[Dataset entries]
====================

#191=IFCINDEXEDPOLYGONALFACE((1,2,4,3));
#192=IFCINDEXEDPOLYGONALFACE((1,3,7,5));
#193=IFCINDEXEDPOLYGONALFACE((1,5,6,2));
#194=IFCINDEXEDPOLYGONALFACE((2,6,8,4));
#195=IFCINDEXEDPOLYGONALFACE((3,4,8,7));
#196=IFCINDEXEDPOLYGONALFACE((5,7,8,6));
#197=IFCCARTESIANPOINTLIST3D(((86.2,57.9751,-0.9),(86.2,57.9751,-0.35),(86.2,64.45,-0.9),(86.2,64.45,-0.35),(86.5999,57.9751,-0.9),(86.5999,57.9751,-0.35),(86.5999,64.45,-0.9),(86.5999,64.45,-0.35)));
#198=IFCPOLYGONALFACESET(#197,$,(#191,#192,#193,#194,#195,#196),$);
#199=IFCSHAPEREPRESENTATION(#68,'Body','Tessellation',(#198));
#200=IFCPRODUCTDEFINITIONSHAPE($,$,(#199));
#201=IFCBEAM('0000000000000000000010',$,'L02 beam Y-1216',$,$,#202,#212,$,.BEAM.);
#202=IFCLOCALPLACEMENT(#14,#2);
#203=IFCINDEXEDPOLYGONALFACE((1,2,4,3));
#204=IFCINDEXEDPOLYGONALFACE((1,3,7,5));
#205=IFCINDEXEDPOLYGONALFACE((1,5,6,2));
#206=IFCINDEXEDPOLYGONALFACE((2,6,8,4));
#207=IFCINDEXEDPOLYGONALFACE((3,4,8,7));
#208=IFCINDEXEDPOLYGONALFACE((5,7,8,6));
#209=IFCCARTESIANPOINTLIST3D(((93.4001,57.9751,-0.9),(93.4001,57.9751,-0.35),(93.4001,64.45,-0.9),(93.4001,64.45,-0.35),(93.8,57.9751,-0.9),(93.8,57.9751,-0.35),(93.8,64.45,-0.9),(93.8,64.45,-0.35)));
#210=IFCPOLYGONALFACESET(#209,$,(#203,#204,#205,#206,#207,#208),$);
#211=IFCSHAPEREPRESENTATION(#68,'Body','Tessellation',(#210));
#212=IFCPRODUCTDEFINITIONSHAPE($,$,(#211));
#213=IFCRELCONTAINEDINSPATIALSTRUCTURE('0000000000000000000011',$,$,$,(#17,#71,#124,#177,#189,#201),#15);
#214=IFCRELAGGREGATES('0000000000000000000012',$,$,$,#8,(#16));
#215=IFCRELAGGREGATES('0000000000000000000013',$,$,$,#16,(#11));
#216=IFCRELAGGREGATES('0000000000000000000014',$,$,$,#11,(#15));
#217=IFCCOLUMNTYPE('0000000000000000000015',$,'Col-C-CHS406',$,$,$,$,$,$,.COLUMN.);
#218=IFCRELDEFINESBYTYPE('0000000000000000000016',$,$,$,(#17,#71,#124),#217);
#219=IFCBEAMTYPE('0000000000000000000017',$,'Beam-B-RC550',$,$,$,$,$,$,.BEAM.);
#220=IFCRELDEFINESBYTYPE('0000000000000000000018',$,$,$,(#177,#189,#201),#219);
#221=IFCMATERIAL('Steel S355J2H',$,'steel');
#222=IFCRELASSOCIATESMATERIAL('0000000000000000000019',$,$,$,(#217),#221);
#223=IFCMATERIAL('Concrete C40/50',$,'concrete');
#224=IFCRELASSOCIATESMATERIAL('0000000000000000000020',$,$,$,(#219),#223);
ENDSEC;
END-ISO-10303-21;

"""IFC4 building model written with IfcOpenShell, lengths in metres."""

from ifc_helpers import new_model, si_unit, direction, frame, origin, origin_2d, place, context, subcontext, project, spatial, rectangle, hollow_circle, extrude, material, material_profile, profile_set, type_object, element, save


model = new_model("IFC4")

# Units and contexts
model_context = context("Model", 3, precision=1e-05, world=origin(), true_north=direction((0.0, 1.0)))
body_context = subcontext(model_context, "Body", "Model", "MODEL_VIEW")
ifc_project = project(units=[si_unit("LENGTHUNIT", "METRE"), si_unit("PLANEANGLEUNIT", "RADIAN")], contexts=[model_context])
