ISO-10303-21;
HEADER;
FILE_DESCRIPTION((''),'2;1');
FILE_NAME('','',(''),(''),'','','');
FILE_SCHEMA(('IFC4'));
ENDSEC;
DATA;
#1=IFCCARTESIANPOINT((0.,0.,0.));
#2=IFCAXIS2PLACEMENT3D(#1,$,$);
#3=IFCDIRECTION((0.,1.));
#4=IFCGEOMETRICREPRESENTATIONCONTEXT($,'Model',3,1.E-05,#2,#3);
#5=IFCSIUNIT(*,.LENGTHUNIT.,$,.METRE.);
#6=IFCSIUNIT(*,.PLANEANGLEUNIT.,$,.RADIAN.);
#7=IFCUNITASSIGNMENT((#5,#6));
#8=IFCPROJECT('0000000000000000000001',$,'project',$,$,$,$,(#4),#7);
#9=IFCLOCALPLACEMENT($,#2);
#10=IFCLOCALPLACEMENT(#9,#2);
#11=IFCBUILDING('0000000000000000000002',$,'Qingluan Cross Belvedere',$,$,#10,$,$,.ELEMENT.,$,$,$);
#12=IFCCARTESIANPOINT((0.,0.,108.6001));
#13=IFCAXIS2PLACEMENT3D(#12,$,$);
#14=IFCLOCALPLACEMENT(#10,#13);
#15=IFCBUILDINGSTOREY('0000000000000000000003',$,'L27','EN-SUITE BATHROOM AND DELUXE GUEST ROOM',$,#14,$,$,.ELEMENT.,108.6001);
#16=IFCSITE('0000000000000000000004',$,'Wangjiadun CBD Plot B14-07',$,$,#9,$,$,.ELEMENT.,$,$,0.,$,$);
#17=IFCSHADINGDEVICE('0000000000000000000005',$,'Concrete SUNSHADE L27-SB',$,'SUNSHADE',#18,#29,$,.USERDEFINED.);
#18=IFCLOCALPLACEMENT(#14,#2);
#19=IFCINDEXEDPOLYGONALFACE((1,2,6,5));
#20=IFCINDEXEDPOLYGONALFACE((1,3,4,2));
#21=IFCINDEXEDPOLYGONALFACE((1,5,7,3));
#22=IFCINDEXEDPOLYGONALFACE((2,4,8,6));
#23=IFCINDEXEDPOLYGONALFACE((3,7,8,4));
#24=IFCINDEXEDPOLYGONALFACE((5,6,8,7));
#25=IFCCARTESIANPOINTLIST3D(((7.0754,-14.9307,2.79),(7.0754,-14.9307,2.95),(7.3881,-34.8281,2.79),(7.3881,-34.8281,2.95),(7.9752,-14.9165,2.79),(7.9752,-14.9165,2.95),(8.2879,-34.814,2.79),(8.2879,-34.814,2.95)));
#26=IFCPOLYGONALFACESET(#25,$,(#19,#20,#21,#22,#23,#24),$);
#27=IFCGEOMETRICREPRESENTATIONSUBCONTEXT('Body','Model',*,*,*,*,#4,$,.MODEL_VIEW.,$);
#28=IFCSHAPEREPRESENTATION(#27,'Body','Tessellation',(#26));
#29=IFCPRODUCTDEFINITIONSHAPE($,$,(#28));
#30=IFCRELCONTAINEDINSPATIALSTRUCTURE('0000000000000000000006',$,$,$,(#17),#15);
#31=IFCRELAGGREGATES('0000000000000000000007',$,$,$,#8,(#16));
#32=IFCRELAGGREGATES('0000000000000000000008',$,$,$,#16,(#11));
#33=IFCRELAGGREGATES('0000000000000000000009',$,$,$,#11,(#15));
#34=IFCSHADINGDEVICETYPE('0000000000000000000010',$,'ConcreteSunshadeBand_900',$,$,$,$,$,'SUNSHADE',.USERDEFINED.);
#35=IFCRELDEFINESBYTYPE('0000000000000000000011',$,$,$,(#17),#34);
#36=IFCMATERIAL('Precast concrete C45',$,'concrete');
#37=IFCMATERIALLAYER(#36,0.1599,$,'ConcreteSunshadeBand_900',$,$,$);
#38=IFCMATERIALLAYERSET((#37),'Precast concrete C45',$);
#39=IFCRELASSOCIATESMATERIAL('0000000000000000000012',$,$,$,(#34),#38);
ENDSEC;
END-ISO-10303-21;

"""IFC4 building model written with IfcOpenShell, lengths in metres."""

from ifc_helpers import new_model, si_unit, direction, frame, origin, origin_2d, place, context, subcontext, project, spatial, rectangle, extrude, material, layer, layer_set, type_object, element, save


model = new_model("IFC4")

# Units and contexts
model_context = context("Model", 3, precision=1e-05, world=origin(), true_north=direction((0.0, 1.0)))
body_context = subcontext(model_context, "Body", "Model", "MODEL_VIEW")
ifc_project = project(units=[si_unit("LENGTHUNIT", "METRE"), si_unit("PLANEANGLEUNIT", "RADIAN")], contexts=[model_context])

# Site, building, storey
site_placement = place(None, origin())
site = spatial("IfcSite", under=ifc_project, at=site_placement, Name="Wangjiadun CBD Plot B14-07", CompositionType="ELEMENT", RefElevation=0.0)
building_placement = place(site_placement, origin())
building = spatial("IfcBuilding", under=site, at=building_placement, Name="Qingluan Cross Belvedere", CompositionType="ELEMENT")
storey_placement = place(building_placement, frame((0.0, 0.0, 108.6001)))
storey = spatial("IfcBuildingStorey", under=building, at=storey_placement, Name="L27", Description="EN-SUITE BATHROOM AND DELUXE GUEST ROOM", CompositionType="ELEMENT", Elevation=108.6001)

# Shading device
ifc_material_1 = material(Name="Precast concrete C45", Category="concrete")
ifc_layer_1 = layer(ifc_material_1, 0.1599, Name="ConcreteSunshadeBand_900")
ifc_layer_set_1 = layer_set([ifc_layer_1], Name="Precast concrete C45")
shading_device_type = type_object("IfcShadingDeviceType", Name="ConcreteSunshadeBand_900", ElementType="SUNSHADE", PredefinedType="USERDEFINED", material=ifc_layer_set_1)
shading_device_placement = place(storey_placement, frame((7.6816, -24.8723, 2.79), z_axis=(0.0, 0.0, 1.0), x_axis=(-0.015711, 0.999877, 0.0)))
element("IfcShadingDevice", 1, at=shading_device_placement, inside=storey, type_object=shading_device_type, Name="Concrete SUNSHADE L27-SB", ObjectType="SUNSHADE", PredefinedType="USERDEFINED", context=body_context, shape_type="SweptSolid", body=[
    extrude(rectangle(XDim=19.8999, YDim=0.8999, at=origin_2d()), origin(), (0.0, 0.0, 1.0), 0.1599),
])

save(model, "model.ifc")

====================

## [Goal of the exercise]
Search the records above for the string "IFCSIUNIT" and copy each line that holds it.

## [Task response]
#5=IFCSIUNIT(*,.LENGTHUNIT.,$,.METRE.);
#6=IFCSIUNIT(*,.PLANEANGLEUNIT.,$,.RADIAN.);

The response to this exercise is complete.